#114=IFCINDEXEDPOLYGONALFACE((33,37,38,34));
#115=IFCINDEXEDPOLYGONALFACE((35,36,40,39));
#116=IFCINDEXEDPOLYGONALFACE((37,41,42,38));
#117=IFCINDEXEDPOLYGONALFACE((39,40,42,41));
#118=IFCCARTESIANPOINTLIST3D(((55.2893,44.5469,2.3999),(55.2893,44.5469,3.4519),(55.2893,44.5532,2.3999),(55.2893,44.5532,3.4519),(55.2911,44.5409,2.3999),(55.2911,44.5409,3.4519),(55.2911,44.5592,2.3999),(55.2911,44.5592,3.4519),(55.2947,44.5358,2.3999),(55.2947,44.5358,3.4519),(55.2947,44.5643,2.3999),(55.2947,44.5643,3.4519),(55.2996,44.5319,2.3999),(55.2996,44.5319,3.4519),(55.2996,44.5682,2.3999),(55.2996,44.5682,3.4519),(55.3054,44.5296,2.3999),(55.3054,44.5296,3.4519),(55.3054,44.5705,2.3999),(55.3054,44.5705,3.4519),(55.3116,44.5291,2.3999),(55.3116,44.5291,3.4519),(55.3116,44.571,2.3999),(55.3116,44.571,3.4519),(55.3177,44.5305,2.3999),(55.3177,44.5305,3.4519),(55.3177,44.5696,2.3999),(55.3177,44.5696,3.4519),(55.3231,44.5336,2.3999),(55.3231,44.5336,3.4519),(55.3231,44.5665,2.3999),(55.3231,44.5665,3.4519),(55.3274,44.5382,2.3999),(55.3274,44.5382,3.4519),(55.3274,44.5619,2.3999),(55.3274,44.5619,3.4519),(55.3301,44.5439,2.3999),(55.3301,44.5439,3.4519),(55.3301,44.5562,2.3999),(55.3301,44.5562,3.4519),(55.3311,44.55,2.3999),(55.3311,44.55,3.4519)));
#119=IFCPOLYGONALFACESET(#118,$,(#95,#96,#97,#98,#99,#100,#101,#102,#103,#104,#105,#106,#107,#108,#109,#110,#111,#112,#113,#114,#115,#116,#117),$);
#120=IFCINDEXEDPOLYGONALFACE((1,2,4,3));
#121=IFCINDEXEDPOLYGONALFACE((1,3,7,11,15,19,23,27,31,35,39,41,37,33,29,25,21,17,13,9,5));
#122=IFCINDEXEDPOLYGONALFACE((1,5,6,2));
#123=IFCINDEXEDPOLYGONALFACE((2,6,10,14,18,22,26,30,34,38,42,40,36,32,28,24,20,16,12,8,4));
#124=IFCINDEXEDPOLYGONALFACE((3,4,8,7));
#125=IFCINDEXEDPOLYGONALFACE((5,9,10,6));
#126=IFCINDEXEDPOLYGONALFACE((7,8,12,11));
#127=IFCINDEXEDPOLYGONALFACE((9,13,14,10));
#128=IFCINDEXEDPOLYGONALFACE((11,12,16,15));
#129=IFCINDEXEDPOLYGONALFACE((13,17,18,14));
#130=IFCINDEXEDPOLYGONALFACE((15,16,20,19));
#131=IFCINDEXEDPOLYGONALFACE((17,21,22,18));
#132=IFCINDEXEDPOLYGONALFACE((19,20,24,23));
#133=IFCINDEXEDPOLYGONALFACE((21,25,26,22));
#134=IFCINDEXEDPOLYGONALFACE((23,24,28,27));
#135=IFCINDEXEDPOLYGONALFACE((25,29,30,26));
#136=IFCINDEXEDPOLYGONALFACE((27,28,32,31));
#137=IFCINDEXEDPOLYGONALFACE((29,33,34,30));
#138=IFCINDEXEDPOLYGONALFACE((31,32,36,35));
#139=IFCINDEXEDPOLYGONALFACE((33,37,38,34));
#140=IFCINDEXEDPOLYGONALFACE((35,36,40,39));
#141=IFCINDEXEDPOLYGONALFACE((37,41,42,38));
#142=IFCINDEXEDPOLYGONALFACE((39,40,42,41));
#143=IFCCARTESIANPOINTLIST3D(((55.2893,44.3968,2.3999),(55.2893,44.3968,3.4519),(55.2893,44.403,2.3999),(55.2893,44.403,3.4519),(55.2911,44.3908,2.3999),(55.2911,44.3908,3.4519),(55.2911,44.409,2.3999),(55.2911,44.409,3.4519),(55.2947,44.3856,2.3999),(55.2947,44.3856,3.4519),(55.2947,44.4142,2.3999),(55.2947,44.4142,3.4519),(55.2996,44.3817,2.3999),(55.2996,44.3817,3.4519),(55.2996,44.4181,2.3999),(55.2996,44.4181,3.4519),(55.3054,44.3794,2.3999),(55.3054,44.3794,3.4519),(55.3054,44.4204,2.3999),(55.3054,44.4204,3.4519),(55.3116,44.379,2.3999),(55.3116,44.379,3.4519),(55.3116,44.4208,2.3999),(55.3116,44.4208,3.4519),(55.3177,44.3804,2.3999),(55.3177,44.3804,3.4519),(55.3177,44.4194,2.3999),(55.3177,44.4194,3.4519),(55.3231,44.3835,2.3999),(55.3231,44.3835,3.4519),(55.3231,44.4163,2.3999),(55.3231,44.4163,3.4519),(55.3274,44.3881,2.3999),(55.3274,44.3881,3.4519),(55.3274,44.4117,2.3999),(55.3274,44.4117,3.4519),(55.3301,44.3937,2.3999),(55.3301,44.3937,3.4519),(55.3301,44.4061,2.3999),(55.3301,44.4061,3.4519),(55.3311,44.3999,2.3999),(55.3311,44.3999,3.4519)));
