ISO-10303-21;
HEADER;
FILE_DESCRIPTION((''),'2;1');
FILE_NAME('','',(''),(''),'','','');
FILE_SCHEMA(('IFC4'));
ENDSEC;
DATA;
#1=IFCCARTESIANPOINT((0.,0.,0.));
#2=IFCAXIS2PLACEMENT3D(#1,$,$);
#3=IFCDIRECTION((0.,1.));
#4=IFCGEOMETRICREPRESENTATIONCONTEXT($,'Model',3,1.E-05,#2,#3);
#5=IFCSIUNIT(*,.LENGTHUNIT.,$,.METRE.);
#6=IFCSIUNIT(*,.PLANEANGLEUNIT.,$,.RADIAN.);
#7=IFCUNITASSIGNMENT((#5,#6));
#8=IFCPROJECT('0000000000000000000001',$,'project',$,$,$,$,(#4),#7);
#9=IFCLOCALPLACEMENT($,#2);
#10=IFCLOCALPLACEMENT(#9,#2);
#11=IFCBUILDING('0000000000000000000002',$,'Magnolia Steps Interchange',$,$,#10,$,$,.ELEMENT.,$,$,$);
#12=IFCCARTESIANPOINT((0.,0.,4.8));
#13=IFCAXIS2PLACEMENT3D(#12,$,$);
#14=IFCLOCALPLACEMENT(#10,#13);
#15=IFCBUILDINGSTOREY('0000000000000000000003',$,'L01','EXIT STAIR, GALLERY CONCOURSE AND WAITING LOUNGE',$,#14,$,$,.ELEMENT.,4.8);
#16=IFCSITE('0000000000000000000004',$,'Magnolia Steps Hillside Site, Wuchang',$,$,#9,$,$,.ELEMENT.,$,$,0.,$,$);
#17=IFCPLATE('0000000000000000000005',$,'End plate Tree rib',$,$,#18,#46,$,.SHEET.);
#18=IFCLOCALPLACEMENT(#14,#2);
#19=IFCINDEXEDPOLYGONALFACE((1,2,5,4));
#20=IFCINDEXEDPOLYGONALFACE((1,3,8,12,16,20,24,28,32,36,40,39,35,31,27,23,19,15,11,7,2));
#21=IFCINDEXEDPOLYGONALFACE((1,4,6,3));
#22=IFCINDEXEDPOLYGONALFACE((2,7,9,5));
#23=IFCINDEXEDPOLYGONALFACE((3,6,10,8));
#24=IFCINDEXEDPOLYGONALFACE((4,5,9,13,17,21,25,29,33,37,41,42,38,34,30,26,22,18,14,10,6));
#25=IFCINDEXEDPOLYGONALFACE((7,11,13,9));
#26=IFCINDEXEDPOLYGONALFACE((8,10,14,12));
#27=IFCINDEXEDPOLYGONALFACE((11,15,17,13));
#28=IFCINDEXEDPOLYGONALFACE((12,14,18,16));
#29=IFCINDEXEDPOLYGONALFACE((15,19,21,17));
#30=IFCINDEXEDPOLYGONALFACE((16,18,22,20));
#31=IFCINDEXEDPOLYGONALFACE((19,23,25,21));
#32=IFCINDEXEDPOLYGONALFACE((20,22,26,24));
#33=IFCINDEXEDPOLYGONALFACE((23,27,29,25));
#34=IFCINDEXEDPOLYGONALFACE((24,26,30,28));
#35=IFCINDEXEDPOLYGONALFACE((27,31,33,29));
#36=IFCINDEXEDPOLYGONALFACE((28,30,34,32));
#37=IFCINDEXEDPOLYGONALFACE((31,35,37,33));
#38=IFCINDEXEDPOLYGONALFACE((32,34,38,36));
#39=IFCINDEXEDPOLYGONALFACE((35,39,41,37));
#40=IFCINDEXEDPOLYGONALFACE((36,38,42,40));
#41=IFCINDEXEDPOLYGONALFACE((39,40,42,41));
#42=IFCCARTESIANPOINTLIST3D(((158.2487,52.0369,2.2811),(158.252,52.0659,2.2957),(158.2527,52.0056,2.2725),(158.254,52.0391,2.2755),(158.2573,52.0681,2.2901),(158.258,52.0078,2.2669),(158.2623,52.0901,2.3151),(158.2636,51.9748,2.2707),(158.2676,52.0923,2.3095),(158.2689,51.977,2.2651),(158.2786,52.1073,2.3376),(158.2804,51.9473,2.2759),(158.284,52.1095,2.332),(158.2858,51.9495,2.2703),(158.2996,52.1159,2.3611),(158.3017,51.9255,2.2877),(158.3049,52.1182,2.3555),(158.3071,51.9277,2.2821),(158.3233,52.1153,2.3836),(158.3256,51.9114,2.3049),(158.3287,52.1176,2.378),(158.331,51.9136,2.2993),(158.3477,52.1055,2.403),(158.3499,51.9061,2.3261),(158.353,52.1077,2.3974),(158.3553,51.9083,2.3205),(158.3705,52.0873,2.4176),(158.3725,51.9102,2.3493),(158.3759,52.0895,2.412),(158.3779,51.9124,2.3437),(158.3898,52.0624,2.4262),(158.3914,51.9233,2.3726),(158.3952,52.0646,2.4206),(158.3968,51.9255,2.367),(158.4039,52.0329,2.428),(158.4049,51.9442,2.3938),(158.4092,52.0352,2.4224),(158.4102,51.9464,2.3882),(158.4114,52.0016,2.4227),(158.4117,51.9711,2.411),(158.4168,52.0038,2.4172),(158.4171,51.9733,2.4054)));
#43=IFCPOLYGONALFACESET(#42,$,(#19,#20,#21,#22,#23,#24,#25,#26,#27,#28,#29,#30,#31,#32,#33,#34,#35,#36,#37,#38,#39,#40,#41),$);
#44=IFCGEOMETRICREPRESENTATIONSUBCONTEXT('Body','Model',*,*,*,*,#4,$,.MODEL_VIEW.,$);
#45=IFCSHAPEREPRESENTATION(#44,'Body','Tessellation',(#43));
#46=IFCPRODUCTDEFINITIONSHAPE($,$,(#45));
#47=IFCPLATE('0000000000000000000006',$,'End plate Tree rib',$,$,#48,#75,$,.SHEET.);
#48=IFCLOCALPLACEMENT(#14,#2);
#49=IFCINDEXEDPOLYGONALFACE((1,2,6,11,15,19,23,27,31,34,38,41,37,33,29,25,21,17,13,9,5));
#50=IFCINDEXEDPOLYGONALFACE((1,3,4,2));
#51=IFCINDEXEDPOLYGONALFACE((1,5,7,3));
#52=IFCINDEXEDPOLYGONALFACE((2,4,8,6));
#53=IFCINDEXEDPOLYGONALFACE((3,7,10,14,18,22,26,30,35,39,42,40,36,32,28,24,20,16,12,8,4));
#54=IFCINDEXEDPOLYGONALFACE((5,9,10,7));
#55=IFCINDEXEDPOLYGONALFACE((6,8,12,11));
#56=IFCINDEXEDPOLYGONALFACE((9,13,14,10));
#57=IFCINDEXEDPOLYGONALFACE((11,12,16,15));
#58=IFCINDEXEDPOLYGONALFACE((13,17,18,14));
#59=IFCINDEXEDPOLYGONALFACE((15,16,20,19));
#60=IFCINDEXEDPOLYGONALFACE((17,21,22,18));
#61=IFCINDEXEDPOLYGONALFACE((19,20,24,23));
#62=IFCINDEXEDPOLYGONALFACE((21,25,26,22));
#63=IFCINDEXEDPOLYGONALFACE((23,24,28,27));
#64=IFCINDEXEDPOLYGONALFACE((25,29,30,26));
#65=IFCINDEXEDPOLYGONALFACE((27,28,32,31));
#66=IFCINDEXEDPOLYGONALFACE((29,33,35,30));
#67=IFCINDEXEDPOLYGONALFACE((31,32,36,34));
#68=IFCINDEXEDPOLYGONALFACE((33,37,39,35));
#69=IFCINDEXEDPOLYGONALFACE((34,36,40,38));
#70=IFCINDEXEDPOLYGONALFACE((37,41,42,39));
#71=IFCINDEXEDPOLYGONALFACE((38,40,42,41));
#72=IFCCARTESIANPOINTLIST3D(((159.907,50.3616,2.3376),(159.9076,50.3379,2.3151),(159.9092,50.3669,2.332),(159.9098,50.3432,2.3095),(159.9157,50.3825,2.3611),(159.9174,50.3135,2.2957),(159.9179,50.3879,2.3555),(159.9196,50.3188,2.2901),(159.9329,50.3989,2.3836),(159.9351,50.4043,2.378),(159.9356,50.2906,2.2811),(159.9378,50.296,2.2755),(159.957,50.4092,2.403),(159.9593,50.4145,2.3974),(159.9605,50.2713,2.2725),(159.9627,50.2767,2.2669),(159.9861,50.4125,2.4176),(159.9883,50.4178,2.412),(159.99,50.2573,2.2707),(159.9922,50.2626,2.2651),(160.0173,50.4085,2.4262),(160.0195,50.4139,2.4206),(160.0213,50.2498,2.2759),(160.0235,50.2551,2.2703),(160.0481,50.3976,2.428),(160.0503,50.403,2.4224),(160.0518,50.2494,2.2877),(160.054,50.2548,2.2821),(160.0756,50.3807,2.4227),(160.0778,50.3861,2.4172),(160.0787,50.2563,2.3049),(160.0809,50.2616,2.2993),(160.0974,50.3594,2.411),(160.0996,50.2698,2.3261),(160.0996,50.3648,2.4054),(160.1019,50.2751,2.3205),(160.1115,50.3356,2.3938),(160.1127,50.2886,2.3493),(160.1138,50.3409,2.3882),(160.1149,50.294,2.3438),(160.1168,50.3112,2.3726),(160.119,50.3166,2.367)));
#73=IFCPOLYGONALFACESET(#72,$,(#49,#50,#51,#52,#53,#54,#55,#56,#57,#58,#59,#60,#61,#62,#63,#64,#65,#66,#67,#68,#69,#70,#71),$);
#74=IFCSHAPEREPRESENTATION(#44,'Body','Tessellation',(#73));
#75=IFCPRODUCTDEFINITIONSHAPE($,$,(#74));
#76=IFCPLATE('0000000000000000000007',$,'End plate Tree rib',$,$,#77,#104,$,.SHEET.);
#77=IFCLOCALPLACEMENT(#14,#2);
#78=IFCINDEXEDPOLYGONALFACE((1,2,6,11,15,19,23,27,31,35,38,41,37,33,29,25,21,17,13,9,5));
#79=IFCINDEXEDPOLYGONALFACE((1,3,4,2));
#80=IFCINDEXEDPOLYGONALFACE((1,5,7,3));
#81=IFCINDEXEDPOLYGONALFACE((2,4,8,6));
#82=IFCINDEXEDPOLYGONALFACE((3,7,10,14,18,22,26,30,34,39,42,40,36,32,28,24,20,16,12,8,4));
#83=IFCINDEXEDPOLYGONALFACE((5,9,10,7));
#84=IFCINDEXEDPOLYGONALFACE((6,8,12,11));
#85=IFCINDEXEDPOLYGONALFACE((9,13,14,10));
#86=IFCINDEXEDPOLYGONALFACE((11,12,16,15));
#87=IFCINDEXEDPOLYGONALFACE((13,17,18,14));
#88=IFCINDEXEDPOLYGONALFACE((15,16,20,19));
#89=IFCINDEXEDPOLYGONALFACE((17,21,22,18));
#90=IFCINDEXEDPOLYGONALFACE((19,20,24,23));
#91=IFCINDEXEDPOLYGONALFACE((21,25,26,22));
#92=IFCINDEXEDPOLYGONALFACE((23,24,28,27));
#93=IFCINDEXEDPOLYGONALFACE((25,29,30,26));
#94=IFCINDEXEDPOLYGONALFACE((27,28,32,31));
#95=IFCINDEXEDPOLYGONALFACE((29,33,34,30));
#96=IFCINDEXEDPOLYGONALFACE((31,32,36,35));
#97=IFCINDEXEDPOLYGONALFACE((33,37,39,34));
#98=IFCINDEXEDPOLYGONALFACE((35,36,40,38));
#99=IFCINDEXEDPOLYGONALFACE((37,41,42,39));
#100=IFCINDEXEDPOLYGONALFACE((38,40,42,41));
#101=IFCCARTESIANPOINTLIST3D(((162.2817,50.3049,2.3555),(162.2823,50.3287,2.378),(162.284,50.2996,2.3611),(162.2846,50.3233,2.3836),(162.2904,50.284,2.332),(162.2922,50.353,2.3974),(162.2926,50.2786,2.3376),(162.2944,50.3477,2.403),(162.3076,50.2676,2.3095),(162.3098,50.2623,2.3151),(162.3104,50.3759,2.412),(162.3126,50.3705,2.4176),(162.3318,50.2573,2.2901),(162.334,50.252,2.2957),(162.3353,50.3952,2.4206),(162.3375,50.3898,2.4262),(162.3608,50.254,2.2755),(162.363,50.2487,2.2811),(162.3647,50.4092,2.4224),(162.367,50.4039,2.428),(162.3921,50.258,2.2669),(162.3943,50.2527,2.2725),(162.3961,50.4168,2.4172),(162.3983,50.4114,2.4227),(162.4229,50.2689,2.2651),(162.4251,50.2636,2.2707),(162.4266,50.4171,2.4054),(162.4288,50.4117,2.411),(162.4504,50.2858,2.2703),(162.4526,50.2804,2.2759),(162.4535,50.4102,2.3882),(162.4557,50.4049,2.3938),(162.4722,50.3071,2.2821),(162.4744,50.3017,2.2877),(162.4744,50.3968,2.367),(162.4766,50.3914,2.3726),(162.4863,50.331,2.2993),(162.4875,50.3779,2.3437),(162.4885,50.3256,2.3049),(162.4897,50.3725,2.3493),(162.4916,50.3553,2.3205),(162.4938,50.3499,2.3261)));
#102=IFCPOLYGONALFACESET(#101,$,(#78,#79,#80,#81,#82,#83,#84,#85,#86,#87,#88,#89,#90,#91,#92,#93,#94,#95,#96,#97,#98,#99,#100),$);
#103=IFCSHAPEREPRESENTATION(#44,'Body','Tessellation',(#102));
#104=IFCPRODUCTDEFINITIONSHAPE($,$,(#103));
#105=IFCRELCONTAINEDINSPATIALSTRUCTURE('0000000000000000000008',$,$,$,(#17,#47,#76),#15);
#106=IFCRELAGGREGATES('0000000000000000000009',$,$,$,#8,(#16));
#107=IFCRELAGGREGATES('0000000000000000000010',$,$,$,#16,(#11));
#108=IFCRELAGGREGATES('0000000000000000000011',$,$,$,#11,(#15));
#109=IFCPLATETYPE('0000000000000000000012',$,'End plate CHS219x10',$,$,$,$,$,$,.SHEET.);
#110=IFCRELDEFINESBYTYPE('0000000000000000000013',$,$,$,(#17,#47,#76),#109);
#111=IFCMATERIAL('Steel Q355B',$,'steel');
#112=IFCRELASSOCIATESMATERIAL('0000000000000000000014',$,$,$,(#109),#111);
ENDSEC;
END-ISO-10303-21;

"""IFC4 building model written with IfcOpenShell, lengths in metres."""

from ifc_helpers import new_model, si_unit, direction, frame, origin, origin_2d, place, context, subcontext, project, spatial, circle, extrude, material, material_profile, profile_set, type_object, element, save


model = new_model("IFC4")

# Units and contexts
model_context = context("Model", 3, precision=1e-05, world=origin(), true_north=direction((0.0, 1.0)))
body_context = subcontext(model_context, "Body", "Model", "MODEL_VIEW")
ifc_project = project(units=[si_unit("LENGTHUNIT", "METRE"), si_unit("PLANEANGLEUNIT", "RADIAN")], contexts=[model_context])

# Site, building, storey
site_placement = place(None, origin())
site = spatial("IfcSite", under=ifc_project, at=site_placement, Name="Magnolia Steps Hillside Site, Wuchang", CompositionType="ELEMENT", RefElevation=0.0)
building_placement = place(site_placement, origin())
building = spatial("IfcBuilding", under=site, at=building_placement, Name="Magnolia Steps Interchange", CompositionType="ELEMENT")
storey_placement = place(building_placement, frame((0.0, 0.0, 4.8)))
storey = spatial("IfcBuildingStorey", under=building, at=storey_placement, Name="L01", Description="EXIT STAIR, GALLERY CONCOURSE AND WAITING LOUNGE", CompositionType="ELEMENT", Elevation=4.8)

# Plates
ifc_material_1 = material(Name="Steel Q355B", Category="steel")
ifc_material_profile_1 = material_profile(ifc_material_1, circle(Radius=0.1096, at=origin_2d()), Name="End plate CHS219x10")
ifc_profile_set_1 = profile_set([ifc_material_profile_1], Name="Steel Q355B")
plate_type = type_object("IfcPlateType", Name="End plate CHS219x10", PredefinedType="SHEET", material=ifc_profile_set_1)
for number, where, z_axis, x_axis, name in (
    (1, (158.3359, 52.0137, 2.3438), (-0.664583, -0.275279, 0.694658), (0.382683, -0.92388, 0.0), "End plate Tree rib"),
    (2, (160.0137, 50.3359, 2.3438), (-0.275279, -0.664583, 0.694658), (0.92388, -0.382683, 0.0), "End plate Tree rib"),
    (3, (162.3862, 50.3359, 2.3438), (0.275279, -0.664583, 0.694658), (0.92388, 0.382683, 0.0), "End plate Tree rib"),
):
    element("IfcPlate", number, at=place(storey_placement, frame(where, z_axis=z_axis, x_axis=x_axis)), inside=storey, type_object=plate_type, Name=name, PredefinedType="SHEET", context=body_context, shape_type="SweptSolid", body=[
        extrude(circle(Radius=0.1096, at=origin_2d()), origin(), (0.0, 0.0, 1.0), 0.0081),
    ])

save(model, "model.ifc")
......
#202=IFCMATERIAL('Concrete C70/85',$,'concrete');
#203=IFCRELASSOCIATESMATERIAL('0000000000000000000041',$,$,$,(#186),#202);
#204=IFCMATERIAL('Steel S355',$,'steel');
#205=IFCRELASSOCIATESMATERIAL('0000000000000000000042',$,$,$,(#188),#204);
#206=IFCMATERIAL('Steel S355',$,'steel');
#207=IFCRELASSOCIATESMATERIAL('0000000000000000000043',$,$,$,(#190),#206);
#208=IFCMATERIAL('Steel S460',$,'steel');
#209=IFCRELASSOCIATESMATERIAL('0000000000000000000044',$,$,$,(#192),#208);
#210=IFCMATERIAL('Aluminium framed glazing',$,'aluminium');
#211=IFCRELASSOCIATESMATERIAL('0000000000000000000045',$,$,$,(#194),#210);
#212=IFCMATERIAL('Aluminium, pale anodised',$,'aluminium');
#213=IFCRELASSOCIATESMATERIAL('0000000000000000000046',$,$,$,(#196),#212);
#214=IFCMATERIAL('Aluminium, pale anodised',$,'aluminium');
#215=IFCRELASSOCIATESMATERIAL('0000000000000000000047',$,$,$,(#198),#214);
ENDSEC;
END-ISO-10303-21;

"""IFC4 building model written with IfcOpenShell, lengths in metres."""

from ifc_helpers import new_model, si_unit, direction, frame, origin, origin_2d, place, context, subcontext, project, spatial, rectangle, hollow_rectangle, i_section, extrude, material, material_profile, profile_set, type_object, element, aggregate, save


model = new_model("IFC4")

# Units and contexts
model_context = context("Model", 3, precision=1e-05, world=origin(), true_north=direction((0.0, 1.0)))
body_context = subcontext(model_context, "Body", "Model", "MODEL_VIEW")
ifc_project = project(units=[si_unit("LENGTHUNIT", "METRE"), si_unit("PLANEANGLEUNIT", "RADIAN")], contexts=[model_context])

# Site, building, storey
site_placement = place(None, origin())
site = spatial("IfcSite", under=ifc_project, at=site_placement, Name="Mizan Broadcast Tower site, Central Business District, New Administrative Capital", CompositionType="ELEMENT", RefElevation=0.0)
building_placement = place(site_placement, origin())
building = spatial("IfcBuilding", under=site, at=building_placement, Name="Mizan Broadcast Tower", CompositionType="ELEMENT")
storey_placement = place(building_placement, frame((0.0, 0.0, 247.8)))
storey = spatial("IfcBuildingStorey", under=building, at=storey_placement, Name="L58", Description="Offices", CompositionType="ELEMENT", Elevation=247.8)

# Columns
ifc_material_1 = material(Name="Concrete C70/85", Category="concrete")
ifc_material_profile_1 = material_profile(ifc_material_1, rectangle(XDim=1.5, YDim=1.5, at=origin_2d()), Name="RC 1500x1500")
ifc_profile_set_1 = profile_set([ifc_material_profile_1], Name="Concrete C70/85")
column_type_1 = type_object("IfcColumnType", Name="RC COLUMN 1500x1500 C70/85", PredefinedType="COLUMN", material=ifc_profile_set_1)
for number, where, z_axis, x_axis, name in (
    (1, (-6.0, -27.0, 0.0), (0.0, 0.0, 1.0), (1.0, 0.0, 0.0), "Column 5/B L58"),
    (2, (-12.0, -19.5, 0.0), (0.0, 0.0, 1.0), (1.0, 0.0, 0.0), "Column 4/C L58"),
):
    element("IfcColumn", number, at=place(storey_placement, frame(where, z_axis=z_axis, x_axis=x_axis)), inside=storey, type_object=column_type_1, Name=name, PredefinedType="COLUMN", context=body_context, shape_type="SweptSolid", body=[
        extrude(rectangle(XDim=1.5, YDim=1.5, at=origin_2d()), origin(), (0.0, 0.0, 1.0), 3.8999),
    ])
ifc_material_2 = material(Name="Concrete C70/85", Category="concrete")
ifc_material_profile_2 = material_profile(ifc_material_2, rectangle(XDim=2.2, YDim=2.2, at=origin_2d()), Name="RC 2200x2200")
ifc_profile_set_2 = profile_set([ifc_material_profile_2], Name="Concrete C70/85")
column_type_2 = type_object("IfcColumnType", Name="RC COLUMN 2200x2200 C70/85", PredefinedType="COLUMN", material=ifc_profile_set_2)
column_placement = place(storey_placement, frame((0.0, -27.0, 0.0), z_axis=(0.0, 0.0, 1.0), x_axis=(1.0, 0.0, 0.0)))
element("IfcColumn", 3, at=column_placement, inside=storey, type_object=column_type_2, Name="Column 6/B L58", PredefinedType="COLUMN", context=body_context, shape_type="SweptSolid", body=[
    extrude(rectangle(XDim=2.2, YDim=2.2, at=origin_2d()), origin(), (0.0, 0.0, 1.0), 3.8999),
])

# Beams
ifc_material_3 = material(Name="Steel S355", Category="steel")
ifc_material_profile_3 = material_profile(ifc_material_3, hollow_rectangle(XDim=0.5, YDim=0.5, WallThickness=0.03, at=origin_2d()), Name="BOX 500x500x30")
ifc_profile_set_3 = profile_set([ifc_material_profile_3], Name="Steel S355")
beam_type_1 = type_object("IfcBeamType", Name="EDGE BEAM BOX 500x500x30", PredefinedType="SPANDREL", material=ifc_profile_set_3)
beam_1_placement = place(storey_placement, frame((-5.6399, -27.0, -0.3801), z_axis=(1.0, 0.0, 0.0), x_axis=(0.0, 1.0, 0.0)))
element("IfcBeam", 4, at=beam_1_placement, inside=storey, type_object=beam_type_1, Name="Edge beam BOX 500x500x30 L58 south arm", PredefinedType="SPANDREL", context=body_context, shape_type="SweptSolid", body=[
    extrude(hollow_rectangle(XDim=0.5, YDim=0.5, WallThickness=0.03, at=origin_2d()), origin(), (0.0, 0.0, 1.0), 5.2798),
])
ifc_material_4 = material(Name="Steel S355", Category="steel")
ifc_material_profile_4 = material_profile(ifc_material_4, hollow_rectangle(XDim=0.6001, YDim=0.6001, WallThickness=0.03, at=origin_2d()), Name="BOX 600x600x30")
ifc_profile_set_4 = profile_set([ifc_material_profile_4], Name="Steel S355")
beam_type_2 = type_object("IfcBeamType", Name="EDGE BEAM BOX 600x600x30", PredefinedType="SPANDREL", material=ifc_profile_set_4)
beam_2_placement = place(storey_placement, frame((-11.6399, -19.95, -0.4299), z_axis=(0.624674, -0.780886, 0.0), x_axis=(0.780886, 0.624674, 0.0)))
......
• YOUR OBJECTIVE: Each line above from the one with "#125=IFCINDEXEDPOLYGONALFACE((5,9,10,6));" up to and including the one with "#138=IFCINDEXEDPOLYGONALFACE((31,32,36,35));" must be set down exactly, and no line outside that span may appear.

• PROBLEM SOLUTION:
#125=IFCINDEXEDPOLYGONALFACE((5,9,10,6));
#126=IFCINDEXEDPOLYGONALFACE((7,8,12,11));
#127=IFCINDEXEDPOLYGONALFACE((9,13,14,10));
#128=IFCINDEXEDPOLYGONALFACE((11,12,16,15));
#129=IFCINDEXEDPOLYGONALFACE((13,17,18,14));
#130=IFCINDEXEDPOLYGONALFACE((15,16,20,19));
#131=IFCINDEXEDPOLYGONALFACE((17,21,22,18));
#132=IFCINDEXEDPOLYGONALFACE((19,20,24,23));
#133=IFCINDEXEDPOLYGONALFACE((21,25,26,22));
#134=IFCINDEXEDPOLYGONALFACE((23,24,28,27));
#135=IFCINDEXEDPOLYGONALFACE((25,29,30,26));
#136=IFCINDEXEDPOLYGONALFACE((27,28,32,31));
#137=IFCINDEXEDPOLYGONALFACE((29,33,34,30));
#138=IFCINDEXEDPOLYGONALFACE((31,32,36,35));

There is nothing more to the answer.